### Instructions to follow
Starting at the line that holds "#76=IFCINDEXEDPOLYGONALFACE((10,42,44,12));" and stopping at the line that holds "#83=IFCINDEXEDPOLYGONALFACE((17,18,50,49));", restate the records below word for word, with both of those lines included.

### Dataset excerpts
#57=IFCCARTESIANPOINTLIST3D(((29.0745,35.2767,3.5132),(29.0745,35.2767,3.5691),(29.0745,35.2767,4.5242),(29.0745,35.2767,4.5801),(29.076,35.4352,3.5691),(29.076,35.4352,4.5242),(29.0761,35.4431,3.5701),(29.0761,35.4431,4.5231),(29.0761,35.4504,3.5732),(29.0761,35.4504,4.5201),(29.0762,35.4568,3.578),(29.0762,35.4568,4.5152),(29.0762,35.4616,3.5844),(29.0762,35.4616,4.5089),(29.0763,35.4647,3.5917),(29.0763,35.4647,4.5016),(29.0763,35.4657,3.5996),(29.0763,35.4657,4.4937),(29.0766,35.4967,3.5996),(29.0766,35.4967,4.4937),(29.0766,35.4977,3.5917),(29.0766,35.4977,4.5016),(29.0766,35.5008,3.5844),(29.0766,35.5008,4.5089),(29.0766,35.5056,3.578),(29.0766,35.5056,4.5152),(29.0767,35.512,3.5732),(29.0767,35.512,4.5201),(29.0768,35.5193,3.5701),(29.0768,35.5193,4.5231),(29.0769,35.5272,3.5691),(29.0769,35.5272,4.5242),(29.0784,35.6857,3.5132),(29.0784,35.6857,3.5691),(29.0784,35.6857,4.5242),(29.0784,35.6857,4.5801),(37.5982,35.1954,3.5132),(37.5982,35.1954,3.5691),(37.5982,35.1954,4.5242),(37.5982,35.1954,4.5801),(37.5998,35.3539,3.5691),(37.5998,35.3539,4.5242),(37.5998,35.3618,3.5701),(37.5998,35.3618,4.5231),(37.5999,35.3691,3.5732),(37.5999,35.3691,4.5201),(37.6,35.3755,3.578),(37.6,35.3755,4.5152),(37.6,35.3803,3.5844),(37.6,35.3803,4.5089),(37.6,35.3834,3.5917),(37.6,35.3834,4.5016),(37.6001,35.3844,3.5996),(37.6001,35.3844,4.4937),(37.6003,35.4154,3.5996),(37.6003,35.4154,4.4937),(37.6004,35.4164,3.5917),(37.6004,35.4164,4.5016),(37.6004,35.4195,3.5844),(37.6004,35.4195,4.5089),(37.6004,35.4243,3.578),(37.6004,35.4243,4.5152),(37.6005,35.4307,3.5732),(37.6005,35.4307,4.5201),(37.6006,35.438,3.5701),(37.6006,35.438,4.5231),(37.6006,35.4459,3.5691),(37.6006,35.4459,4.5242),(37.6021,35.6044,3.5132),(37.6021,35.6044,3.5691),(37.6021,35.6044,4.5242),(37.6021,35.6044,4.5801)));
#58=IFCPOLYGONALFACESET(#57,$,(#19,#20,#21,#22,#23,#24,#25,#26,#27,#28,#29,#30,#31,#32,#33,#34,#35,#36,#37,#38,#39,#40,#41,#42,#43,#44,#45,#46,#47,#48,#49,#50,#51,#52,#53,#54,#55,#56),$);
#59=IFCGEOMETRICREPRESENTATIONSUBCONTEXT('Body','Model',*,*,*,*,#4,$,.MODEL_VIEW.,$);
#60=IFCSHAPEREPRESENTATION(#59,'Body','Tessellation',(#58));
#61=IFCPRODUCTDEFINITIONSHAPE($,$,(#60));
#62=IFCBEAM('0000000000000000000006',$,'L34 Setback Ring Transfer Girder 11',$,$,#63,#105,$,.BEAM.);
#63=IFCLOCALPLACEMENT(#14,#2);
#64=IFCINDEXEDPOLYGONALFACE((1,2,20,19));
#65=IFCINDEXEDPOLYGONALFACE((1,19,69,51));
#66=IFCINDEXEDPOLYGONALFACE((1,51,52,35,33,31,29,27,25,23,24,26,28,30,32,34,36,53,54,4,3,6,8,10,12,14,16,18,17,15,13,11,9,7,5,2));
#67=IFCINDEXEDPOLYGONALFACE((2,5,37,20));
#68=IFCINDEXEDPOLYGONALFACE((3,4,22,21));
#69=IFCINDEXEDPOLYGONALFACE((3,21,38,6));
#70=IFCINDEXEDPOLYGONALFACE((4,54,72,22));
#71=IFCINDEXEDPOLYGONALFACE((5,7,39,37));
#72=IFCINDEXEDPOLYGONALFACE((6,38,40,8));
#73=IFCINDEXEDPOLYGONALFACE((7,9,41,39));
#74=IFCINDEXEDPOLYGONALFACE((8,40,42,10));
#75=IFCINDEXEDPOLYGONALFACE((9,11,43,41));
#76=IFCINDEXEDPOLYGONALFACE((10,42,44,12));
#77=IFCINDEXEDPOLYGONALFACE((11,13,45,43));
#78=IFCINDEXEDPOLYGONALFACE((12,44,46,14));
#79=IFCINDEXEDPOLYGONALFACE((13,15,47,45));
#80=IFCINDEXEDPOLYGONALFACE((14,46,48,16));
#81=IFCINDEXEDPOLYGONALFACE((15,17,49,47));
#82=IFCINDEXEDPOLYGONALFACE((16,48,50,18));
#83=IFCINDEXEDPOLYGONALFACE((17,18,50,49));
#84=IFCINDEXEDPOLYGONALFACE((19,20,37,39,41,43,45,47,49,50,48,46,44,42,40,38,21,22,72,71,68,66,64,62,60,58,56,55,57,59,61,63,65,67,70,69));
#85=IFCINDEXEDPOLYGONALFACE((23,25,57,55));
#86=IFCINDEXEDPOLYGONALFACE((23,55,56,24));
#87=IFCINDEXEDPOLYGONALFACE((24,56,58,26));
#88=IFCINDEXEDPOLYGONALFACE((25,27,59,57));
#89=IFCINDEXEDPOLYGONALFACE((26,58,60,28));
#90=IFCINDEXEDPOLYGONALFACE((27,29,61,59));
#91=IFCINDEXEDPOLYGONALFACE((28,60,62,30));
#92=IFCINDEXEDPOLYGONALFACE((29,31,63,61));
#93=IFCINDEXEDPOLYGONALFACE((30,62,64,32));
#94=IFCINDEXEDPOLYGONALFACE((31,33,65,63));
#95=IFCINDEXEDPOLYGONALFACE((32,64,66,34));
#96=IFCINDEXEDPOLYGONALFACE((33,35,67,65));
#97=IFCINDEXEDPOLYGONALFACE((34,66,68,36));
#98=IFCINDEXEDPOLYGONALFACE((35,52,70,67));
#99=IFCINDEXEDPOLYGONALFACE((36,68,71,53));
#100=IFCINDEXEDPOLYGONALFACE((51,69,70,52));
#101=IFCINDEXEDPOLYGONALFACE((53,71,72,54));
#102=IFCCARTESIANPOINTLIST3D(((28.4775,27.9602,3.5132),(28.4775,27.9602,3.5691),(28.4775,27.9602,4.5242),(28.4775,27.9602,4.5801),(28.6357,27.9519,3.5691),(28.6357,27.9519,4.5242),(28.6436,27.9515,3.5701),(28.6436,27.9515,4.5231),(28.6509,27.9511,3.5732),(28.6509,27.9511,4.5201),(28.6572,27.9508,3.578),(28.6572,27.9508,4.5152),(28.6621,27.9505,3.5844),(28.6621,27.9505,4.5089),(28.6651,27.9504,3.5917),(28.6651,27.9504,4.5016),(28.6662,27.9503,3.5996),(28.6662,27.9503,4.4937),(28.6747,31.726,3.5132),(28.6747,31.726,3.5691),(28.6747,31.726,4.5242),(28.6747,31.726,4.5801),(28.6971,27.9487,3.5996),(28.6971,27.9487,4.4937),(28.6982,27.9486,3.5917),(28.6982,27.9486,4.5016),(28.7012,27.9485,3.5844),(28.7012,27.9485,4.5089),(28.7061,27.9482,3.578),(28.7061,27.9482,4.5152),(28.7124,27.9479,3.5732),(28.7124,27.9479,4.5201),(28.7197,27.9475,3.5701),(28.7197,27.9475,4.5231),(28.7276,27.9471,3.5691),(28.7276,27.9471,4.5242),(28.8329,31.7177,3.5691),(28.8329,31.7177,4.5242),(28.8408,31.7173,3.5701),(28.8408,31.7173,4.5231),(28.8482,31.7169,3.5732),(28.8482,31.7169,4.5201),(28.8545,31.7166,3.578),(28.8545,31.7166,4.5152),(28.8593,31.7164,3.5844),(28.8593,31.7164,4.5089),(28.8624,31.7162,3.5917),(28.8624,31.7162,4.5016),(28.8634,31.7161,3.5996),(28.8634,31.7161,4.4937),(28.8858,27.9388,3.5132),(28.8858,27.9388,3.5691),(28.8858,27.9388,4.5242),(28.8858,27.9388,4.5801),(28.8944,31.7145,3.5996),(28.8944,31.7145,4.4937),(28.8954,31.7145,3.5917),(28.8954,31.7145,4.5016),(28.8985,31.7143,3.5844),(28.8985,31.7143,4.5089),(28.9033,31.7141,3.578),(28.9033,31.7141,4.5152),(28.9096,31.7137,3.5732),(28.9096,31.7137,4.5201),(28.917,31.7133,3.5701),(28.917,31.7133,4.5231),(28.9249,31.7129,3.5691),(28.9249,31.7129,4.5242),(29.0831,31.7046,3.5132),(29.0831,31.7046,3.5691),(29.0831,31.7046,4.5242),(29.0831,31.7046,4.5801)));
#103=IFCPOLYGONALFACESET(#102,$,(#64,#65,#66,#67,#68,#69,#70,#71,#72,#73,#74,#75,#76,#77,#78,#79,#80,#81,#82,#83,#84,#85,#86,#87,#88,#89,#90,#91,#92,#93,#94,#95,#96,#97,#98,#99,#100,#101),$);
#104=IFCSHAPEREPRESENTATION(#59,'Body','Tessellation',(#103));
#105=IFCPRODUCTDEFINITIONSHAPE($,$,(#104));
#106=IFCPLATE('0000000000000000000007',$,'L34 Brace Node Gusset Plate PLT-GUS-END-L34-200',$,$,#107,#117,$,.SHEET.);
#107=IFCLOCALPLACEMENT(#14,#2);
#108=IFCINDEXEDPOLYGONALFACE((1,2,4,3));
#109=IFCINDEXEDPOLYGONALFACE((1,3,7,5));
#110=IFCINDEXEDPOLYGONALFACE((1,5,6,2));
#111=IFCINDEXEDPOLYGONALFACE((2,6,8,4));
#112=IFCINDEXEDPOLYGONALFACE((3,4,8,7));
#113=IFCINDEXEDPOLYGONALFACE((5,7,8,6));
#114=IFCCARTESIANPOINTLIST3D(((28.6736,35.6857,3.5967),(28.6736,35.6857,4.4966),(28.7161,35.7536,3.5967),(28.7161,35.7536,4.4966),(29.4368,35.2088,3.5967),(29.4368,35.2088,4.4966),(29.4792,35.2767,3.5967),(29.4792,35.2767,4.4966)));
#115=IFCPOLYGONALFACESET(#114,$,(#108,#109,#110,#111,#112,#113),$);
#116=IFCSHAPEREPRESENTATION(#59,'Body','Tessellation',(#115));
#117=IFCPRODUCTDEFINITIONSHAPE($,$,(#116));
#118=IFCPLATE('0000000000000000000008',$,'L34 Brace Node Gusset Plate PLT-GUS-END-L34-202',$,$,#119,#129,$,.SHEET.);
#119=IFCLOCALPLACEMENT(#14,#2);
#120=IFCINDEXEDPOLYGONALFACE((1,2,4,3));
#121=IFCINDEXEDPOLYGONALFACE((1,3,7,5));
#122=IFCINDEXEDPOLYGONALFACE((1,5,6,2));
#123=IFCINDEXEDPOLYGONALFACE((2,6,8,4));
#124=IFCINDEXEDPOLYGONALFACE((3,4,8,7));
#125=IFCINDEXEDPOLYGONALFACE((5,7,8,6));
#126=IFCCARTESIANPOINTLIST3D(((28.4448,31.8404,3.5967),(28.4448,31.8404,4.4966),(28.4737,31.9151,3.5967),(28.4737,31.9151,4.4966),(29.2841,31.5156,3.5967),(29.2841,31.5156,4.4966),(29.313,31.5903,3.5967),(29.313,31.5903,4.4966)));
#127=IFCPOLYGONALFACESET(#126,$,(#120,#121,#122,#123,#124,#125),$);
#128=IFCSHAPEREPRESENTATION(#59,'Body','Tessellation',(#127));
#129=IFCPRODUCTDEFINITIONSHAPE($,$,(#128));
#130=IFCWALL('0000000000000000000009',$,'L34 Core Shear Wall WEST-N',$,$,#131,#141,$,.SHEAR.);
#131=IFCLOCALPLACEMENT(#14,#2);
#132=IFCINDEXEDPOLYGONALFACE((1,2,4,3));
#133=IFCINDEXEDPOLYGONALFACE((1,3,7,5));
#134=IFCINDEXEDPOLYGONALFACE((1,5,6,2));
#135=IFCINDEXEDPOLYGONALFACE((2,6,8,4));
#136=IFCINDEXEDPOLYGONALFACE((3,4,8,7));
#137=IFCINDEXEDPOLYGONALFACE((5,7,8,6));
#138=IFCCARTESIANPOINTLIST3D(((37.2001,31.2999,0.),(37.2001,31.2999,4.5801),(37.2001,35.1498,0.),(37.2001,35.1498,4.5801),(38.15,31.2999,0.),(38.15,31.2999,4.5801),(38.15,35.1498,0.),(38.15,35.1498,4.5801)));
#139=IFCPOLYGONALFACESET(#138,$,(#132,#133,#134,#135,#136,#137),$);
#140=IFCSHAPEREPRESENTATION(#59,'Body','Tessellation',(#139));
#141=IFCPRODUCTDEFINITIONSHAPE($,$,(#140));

### Task answer
#76=IFCINDEXEDPOLYGONALFACE((10,42,44,12));
#77=IFCINDEXEDPOLYGONALFACE((11,13,45,43));
#78=IFCINDEXEDPOLYGONALFACE((12,44,46,14));
#79=IFCINDEXEDPOLYGONALFACE((13,15,47,45));
#80=IFCINDEXEDPOLYGONALFACE((14,46,48,16));
#81=IFCINDEXEDPOLYGONALFACE((15,17,49,47));
#82=IFCINDEXEDPOLYGONALFACE((16,48,50,18));
#83=IFCINDEXEDPOLYGONALFACE((17,18,50,49));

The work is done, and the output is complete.